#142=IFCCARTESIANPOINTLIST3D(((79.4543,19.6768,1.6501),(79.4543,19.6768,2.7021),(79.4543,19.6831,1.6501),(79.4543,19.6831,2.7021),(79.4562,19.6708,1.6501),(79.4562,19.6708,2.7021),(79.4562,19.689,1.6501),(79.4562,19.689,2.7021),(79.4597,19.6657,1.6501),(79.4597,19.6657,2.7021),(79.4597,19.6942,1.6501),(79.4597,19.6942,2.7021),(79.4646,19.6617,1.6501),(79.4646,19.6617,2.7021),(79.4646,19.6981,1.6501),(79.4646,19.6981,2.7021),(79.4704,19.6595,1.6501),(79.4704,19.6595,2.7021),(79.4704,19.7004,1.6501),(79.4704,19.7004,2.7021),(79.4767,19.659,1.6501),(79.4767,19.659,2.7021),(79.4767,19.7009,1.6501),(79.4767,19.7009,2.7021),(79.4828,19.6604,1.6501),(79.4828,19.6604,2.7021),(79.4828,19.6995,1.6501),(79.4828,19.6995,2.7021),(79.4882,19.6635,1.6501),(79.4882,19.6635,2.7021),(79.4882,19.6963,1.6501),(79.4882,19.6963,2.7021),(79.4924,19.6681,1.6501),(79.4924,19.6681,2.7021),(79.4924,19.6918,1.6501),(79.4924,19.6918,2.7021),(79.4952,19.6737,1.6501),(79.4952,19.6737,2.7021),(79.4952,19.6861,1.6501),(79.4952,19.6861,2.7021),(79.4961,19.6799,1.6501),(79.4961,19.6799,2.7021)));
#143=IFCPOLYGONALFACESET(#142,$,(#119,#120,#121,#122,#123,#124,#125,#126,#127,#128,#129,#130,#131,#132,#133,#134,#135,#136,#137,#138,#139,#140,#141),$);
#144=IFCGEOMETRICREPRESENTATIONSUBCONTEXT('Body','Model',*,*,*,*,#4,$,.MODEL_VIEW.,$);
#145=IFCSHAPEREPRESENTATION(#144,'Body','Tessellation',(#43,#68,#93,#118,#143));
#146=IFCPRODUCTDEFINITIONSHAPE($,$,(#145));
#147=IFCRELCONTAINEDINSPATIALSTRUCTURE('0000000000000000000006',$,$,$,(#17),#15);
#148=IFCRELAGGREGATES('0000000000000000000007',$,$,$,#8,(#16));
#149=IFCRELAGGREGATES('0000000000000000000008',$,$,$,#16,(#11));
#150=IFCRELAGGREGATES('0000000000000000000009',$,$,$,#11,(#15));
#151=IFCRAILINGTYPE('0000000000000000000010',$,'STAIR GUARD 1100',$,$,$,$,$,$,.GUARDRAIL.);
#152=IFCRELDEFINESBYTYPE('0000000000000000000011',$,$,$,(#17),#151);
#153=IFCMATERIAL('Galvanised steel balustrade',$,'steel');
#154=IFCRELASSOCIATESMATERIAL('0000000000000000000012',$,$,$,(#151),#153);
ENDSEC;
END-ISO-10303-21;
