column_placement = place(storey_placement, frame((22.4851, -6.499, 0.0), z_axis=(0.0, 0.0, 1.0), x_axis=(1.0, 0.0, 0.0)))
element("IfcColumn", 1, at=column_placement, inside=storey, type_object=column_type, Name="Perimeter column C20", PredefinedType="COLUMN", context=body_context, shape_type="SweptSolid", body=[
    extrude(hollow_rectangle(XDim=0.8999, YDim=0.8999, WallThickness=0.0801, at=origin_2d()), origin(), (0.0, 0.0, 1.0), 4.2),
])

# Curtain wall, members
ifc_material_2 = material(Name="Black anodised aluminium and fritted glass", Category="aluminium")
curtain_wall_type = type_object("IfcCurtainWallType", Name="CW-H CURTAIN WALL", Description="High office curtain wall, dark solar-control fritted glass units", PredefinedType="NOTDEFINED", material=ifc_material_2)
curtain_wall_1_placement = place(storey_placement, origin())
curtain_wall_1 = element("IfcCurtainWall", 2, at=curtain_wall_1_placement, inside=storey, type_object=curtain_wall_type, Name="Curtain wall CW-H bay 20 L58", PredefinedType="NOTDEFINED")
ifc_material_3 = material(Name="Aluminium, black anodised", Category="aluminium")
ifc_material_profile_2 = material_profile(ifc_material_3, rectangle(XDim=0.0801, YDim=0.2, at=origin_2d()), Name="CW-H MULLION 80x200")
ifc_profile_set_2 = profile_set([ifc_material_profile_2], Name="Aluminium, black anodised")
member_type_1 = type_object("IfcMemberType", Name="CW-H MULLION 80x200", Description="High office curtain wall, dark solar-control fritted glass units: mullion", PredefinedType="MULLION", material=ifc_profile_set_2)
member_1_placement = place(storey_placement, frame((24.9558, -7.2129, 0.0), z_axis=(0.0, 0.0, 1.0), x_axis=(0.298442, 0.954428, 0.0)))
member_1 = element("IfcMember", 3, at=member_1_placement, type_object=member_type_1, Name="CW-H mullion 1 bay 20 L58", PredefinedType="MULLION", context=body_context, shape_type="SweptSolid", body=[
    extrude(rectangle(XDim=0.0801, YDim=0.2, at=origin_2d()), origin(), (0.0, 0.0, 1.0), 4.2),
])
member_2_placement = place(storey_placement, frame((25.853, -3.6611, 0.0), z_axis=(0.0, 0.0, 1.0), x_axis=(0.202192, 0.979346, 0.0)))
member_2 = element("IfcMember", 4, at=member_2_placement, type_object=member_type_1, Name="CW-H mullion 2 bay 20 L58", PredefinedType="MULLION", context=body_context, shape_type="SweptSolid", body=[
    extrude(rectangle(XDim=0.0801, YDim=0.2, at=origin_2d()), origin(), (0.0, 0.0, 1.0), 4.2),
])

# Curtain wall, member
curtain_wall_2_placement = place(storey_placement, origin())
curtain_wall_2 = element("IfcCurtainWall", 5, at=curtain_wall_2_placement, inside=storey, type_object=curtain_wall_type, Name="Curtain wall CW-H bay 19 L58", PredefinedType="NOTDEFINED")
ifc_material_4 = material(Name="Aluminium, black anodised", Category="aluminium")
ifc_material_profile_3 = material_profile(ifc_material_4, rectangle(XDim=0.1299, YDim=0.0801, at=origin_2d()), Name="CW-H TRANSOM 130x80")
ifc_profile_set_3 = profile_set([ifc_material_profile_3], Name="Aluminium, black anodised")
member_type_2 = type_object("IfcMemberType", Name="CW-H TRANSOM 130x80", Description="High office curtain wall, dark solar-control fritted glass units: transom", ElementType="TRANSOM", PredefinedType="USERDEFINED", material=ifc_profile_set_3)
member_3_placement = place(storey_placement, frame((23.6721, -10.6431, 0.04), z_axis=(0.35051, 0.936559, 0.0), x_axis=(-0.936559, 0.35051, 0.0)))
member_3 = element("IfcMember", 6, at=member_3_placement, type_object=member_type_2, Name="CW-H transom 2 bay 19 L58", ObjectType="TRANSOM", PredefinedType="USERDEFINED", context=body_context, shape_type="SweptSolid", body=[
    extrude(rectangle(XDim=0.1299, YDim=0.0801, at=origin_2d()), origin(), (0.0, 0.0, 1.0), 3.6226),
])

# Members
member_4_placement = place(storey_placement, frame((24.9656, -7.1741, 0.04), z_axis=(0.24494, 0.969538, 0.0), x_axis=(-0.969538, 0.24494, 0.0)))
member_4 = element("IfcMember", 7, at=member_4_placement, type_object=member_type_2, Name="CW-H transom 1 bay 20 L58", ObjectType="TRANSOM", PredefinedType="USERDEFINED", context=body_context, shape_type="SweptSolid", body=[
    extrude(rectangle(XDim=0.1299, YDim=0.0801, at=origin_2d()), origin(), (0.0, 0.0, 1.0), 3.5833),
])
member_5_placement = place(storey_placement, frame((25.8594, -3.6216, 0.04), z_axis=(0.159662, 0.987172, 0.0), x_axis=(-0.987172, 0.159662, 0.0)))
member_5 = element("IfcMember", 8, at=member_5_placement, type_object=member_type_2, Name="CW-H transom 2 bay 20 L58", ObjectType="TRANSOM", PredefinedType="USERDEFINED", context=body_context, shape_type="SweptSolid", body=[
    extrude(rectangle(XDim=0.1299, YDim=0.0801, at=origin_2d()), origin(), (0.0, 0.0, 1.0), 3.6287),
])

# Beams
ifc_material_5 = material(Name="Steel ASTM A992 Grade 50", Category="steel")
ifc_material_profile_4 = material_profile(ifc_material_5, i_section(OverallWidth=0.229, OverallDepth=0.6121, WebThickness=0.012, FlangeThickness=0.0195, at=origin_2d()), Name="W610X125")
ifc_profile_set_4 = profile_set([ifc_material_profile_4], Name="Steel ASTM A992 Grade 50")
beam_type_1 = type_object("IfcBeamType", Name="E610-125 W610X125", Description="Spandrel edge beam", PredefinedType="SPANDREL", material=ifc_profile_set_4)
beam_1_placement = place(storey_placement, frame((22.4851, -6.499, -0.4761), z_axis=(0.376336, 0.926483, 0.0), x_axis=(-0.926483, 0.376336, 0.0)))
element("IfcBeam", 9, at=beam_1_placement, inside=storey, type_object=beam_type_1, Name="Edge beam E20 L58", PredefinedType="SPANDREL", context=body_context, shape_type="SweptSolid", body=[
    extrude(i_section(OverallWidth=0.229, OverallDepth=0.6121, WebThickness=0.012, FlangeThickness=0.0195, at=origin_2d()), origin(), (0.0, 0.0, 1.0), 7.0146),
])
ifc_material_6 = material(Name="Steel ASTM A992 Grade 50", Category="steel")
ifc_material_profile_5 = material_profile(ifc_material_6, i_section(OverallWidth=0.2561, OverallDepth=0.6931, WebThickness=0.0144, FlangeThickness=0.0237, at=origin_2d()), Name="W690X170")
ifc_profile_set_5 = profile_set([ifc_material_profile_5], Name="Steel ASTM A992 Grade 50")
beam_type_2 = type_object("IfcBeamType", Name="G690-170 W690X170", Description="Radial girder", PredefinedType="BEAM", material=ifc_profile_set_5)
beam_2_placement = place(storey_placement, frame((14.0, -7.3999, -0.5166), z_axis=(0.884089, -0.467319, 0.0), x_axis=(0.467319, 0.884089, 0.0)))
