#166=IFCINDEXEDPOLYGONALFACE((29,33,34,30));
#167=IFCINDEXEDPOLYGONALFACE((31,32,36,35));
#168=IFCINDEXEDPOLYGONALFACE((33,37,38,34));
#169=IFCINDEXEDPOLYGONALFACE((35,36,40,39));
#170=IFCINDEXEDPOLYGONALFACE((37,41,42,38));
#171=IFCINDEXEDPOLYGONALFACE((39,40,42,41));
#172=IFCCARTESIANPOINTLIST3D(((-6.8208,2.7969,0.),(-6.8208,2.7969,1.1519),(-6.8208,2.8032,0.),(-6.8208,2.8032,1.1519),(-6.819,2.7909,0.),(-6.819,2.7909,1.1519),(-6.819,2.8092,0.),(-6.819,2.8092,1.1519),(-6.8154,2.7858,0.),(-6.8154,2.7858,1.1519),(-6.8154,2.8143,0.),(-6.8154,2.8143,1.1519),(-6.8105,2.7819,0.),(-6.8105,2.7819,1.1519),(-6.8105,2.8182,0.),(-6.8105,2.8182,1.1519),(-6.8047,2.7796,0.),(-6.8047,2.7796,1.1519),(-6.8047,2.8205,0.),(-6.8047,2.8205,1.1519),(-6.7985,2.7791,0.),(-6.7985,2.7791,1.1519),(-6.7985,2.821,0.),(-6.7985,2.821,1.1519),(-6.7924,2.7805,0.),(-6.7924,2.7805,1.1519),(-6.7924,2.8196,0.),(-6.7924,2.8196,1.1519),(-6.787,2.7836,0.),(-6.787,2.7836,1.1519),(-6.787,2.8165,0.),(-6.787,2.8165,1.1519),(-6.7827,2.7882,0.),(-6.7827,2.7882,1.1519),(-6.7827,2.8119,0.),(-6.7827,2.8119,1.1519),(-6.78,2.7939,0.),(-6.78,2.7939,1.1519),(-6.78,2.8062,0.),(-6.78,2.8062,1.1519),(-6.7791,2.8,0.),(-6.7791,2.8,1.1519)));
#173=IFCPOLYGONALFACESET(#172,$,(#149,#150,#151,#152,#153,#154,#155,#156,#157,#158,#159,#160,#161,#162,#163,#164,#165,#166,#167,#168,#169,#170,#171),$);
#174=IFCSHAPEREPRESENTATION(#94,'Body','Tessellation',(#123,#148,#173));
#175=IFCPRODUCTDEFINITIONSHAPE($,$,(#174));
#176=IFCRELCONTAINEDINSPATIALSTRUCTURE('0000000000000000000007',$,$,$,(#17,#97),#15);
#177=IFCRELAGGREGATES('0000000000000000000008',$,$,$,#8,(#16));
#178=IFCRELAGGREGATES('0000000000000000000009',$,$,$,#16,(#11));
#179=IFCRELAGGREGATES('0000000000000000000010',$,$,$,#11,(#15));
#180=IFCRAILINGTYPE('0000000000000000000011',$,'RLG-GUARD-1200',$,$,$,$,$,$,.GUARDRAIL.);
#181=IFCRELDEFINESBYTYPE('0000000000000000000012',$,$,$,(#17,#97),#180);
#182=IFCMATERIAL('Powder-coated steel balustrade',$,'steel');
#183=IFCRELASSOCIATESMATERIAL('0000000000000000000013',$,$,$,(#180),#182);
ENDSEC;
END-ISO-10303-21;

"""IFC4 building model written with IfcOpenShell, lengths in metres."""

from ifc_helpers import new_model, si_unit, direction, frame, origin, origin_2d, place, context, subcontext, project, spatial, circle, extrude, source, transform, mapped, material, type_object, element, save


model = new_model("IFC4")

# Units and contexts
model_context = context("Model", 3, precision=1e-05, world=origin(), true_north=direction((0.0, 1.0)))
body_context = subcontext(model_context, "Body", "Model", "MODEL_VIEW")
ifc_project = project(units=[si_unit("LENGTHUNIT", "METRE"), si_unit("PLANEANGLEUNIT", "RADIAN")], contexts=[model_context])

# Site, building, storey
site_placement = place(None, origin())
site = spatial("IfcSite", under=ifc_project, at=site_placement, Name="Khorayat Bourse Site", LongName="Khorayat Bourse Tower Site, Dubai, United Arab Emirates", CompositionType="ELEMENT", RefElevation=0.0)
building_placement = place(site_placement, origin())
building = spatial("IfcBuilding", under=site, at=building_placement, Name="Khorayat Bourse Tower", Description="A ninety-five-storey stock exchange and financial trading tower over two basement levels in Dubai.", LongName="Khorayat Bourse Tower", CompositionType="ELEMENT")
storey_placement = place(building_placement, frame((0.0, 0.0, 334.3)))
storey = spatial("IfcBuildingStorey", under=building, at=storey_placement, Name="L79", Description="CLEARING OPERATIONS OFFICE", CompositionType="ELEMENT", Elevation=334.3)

TO DO:
Scan the entries above for the word "IFCSHAPEREPRESENTATION", then copy every line in which it occurs.

RESPONSE TO THIS TASK:
#145=IFCSHAPEREPRESENTATION(#144,'Body','Tessellation',(#43,#68,#93,#118,#143));
#174=IFCSHAPEREPRESENTATION(#94,'Body','Tessellation',(#123,#148,#173));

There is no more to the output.